*How to complete this task:* Read through the entries below and return each line with the word "Triforio".
*** Records to use Section Begins ***
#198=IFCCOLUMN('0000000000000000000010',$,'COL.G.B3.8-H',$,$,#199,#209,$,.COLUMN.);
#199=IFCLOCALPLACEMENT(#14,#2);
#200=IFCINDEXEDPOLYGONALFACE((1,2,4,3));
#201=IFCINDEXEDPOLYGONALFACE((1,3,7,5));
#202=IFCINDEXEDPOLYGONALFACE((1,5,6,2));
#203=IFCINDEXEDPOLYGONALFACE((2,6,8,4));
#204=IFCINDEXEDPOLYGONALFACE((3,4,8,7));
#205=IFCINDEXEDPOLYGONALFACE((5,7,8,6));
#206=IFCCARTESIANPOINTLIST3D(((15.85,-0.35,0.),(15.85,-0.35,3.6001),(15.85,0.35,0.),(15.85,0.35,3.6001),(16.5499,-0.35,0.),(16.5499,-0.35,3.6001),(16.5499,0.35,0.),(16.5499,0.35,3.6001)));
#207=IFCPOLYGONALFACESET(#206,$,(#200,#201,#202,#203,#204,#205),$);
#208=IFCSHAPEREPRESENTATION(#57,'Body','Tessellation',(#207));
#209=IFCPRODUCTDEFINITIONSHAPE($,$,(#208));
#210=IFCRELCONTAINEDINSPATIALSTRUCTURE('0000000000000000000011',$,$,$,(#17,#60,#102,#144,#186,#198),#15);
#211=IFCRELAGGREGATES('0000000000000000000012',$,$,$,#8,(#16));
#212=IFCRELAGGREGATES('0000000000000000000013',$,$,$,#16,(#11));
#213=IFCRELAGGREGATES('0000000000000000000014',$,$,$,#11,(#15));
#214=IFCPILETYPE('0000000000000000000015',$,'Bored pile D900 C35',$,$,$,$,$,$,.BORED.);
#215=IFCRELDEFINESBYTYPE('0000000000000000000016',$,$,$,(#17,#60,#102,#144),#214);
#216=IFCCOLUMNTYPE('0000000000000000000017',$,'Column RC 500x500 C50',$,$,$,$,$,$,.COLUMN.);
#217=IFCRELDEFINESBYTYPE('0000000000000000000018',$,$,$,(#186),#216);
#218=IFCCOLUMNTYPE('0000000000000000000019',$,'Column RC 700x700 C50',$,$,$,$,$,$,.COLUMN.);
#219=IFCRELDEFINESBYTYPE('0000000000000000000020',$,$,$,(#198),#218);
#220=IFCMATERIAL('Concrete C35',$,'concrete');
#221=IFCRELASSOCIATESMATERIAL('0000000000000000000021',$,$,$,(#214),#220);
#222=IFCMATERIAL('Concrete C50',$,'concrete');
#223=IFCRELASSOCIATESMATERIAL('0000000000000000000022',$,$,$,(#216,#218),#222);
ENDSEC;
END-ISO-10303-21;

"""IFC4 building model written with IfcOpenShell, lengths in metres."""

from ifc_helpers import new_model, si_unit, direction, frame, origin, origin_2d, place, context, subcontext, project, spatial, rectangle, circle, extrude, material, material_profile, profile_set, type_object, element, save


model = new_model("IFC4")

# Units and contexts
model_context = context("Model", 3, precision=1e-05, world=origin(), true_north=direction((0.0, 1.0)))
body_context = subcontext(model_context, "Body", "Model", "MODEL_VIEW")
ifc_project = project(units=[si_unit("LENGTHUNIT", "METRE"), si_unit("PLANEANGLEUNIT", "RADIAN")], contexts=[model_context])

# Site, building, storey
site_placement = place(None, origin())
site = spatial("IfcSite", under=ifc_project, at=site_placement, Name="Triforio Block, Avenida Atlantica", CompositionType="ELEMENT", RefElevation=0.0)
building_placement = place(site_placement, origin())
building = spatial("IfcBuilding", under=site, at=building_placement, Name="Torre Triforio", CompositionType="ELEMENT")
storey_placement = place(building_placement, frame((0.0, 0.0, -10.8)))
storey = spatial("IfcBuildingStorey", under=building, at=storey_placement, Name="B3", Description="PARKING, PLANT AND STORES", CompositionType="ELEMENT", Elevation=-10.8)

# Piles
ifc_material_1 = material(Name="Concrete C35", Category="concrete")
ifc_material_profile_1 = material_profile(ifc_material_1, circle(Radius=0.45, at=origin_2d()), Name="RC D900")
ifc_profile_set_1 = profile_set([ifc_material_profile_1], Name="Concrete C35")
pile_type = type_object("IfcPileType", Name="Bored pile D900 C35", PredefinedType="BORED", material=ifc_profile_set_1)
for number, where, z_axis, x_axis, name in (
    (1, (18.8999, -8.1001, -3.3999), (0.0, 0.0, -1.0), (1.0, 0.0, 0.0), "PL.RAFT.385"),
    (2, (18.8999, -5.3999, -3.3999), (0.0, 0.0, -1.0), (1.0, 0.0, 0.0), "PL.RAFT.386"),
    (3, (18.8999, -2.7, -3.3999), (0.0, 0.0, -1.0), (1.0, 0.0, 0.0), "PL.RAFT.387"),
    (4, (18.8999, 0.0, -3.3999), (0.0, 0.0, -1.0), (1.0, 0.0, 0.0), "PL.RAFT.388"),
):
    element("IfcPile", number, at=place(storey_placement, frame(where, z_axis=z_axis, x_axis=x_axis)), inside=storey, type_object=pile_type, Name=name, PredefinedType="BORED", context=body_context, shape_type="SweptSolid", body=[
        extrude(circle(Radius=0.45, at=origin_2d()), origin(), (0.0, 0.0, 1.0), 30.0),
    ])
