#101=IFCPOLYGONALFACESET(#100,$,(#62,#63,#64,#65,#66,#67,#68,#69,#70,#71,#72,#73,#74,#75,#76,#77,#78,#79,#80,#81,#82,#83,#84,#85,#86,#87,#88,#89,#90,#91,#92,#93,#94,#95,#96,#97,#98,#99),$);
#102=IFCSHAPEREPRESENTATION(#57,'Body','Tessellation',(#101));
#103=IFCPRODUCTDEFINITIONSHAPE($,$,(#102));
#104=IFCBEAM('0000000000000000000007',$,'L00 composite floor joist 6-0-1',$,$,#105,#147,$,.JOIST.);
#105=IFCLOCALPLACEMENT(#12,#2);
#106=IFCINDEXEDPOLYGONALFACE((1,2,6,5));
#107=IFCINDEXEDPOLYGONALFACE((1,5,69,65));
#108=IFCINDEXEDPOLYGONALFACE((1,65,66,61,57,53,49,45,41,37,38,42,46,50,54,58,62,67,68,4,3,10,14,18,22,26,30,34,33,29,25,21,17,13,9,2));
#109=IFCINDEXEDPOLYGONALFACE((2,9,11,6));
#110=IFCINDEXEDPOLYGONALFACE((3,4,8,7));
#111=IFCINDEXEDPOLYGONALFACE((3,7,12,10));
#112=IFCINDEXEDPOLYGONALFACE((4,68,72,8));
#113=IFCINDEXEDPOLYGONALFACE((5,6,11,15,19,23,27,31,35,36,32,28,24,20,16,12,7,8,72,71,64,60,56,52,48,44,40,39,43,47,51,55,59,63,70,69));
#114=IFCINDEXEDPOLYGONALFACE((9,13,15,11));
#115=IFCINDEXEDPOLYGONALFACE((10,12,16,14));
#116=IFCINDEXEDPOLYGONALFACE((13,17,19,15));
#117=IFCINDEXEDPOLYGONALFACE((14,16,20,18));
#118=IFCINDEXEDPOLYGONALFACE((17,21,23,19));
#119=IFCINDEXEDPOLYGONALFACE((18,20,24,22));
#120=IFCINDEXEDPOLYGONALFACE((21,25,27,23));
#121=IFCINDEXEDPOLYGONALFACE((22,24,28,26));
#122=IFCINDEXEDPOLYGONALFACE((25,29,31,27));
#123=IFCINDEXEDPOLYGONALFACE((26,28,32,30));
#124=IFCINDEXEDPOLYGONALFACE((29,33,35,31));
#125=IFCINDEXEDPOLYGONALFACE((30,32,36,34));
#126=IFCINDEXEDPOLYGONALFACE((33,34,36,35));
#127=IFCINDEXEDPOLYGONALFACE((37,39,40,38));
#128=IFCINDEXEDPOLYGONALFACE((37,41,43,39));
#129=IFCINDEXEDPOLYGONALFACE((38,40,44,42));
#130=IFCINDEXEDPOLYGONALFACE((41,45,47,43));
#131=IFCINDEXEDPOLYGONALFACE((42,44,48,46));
*** Records to use Section Ends ***
*Answer to this problem:*
site = spatial("IfcSite", under=ifc_project, at=site_placement, Name="Triforio Block, Avenida Atlantica", CompositionType="ELEMENT", RefElevation=0.0)
building = spatial("IfcBuilding", under=site, at=building_placement, Name="Torre Triforio", CompositionType="ELEMENT")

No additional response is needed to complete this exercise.